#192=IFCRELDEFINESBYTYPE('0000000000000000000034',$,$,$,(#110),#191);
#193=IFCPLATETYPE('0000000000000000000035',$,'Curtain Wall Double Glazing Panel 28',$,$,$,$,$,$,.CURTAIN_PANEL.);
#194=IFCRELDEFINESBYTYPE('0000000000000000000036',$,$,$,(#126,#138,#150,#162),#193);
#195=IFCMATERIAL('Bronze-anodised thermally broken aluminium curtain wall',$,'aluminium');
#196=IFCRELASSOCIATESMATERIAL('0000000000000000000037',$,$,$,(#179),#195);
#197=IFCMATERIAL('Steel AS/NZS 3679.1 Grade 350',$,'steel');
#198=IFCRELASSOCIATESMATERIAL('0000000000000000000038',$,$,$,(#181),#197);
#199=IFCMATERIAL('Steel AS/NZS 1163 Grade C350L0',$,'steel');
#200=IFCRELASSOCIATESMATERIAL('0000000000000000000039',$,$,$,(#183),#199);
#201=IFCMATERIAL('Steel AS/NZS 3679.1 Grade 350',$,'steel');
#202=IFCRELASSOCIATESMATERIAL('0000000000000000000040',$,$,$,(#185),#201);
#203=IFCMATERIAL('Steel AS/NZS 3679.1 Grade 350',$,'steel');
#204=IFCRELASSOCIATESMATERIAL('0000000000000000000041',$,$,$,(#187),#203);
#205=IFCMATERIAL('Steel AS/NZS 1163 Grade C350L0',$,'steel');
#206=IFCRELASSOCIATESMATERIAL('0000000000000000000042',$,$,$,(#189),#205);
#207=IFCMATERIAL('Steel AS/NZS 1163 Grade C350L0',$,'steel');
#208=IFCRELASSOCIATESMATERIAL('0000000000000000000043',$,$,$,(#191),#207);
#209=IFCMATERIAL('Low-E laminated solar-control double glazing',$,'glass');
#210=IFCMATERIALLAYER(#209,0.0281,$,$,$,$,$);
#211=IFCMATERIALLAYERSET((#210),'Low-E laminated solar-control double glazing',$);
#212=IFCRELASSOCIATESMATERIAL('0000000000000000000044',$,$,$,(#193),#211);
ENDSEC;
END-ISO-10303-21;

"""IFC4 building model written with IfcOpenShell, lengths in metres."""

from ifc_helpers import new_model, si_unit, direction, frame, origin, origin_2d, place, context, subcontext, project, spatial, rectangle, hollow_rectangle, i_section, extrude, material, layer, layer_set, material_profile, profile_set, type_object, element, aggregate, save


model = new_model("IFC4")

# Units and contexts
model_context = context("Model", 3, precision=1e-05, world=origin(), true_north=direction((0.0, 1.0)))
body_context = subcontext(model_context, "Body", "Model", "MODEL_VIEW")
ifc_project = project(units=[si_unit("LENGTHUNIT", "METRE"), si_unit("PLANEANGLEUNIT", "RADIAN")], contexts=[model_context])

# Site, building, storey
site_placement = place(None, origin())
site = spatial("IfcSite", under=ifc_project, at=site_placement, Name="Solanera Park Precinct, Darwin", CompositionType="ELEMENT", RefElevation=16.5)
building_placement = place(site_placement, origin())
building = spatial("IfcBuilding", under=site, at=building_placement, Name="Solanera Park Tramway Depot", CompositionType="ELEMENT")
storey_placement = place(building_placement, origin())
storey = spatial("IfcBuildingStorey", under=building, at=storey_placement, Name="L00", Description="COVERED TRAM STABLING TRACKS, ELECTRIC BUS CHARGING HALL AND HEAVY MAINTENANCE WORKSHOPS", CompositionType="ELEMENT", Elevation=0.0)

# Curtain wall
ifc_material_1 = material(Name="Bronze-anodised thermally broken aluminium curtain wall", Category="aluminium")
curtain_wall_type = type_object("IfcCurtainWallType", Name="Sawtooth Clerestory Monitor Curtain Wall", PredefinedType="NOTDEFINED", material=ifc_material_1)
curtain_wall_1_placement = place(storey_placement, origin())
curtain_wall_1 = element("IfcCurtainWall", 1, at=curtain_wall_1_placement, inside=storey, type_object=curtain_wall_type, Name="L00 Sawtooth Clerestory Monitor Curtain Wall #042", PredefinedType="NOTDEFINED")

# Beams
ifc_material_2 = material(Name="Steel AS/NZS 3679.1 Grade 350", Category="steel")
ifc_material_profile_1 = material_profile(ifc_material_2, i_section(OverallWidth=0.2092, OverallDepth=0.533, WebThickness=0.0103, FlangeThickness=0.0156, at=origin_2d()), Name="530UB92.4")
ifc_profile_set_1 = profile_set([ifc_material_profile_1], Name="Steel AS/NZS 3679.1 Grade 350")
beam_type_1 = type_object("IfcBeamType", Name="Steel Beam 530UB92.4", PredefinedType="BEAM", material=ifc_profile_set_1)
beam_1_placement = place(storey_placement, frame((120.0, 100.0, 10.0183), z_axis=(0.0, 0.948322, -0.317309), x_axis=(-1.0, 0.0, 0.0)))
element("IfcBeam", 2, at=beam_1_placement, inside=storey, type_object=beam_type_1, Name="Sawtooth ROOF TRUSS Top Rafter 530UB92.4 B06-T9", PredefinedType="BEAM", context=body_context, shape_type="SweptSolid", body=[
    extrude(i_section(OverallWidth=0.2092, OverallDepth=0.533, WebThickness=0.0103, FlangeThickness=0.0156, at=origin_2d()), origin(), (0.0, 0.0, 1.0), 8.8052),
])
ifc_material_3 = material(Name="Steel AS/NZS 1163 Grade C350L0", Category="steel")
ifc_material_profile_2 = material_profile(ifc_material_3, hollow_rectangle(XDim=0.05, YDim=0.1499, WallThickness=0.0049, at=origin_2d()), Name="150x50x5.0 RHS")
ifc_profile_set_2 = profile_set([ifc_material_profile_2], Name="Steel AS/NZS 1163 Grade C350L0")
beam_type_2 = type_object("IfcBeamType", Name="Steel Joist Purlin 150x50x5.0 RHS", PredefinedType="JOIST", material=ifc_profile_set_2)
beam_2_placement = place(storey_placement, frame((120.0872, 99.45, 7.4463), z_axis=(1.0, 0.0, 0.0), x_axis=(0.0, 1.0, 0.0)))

*TRY IT:*
Hand back the whole listing, exactly as it is.

*YOUR SOLUTION:*
#192=IFCRELDEFINESBYTYPE('0000000000000000000034',$,$,$,(#110),#191);
#193=IFCPLATETYPE('0000000000000000000035',$,'Curtain Wall Double Glazing Panel 28',$,$,$,$,$,$,.CURTAIN_PANEL.);
#194=IFCRELDEFINESBYTYPE('0000000000000000000036',$,$,$,(#126,#138,#150,#162),#193);
#195=IFCMATERIAL('Bronze-anodised thermally broken aluminium curtain wall',$,'aluminium');
#196=IFCRELASSOCIATESMATERIAL('0000000000000000000037',$,$,$,(#179),#195);
#197=IFCMATERIAL('Steel AS/NZS 3679.1 Grade 350',$,'steel');
#198=IFCRELASSOCIATESMATERIAL('0000000000000000000038',$,$,$,(#181),#197);
#199=IFCMATERIAL('Steel AS/NZS 1163 Grade C350L0',$,'steel');
#200=IFCRELASSOCIATESMATERIAL('0000000000000000000039',$,$,$,(#183),#199);
#201=IFCMATERIAL('Steel AS/NZS 3679.1 Grade 350',$,'steel');
#202=IFCRELASSOCIATESMATERIAL('0000000000000000000040',$,$,$,(#185),#201);
#203=IFCMATERIAL('Steel AS/NZS 3679.1 Grade 350',$,'steel');
#204=IFCRELASSOCIATESMATERIAL('0000000000000000000041',$,$,$,(#187),#203);
#205=IFCMATERIAL('Steel AS/NZS 1163 Grade C350L0',$,'steel');
#206=IFCRELASSOCIATESMATERIAL('0000000000000000000042',$,$,$,(#189),#205);
#207=IFCMATERIAL('Steel AS/NZS 1163 Grade C350L0',$,'steel');
#208=IFCRELASSOCIATESMATERIAL('0000000000000000000043',$,$,$,(#191),#207);
#209=IFCMATERIAL('Low-E laminated solar-control double glazing',$,'glass');
#210=IFCMATERIALLAYER(#209,0.0281,$,$,$,$,$);
#211=IFCMATERIALLAYERSET((#210),'Low-E laminated solar-control double glazing',$);
#212=IFCRELASSOCIATESMATERIAL('0000000000000000000044',$,$,$,(#193),#211);
ENDSEC;
END-ISO-10303-21;

"""IFC4 building model written with IfcOpenShell, lengths in metres."""

from ifc_helpers import new_model, si_unit, direction, frame, origin, origin_2d, place, context, subcontext, project, spatial, rectangle, hollow_rectangle, i_section, extrude, material, layer, layer_set, material_profile, profile_set, type_object, element, aggregate, save


model = new_model("IFC4")

# Units and contexts
model_context = context("Model", 3, precision=1e-05, world=origin(), true_north=direction((0.0, 1.0)))
body_context = subcontext(model_context, "Body", "Model", "MODEL_VIEW")
ifc_project = project(units=[si_unit("LENGTHUNIT", "METRE"), si_unit("PLANEANGLEUNIT", "RADIAN")], contexts=[model_context])

# Site, building, storey
site_placement = place(None, origin())
site = spatial("IfcSite", under=ifc_project, at=site_placement, Name="Solanera Park Precinct, Darwin", CompositionType="ELEMENT", RefElevation=16.5)
building_placement = place(site_placement, origin())
building = spatial("IfcBuilding", under=site, at=building_placement, Name="Solanera Park Tramway Depot", CompositionType="ELEMENT")
storey_placement = place(building_placement, origin())
storey = spatial("IfcBuildingStorey", under=building, at=storey_placement, Name="L00", Description="COVERED TRAM STABLING TRACKS, ELECTRIC BUS CHARGING HALL AND HEAVY MAINTENANCE WORKSHOPS", CompositionType="ELEMENT", Elevation=0.0)

# Curtain wall
ifc_material_1 = material(Name="Bronze-anodised thermally broken aluminium curtain wall", Category="aluminium")
curtain_wall_type = type_object("IfcCurtainWallType", Name="Sawtooth Clerestory Monitor Curtain Wall", PredefinedType="NOTDEFINED", material=ifc_material_1)
curtain_wall_1_placement = place(storey_placement, origin())
curtain_wall_1 = element("IfcCurtainWall", 1, at=curtain_wall_1_placement, inside=storey, type_object=curtain_wall_type, Name="L00 Sawtooth Clerestory Monitor Curtain Wall #042", PredefinedType="NOTDEFINED")

# Beams
ifc_material_2 = material(Name="Steel AS/NZS 3679.1 Grade 350", Category="steel")
ifc_material_profile_1 = material_profile(ifc_material_2, i_section(OverallWidth=0.2092, OverallDepth=0.533, WebThickness=0.0103, FlangeThickness=0.0156, at=origin_2d()), Name="530UB92.4")
ifc_profile_set_1 = profile_set([ifc_material_profile_1], Name="Steel AS/NZS 3679.1 Grade 350")
beam_type_1 = type_object("IfcBeamType", Name="Steel Beam 530UB92.4", PredefinedType="BEAM", material=ifc_profile_set_1)
beam_1_placement = place(storey_placement, frame((120.0, 100.0, 10.0183), z_axis=(0.0, 0.948322, -0.317309), x_axis=(-1.0, 0.0, 0.0)))
element("IfcBeam", 2, at=beam_1_placement, inside=storey, type_object=beam_type_1, Name="Sawtooth ROOF TRUSS Top Rafter 530UB92.4 B06-T9", PredefinedType="BEAM", context=body_context, shape_type="SweptSolid", body=[
    extrude(i_section(OverallWidth=0.2092, OverallDepth=0.533, WebThickness=0.0103, FlangeThickness=0.0156, at=origin_2d()), origin(), (0.0, 0.0, 1.0), 8.8052),
])
ifc_material_3 = material(Name="Steel AS/NZS 1163 Grade C350L0", Category="steel")
ifc_material_profile_2 = material_profile(ifc_material_3, hollow_rectangle(XDim=0.05, YDim=0.1499, WallThickness=0.0049, at=origin_2d()), Name="150x50x5.0 RHS")
ifc_profile_set_2 = profile_set([ifc_material_profile_2], Name="Steel AS/NZS 1163 Grade C350L0")
beam_type_2 = type_object("IfcBeamType", Name="Steel Joist Purlin 150x50x5.0 RHS", PredefinedType="JOIST", material=ifc_profile_set_2)
beam_2_placement = place(storey_placement, frame((120.0872, 99.45, 7.4463), z_axis=(1.0, 0.0, 0.0), x_axis=(0.0, 1.0, 0.0)))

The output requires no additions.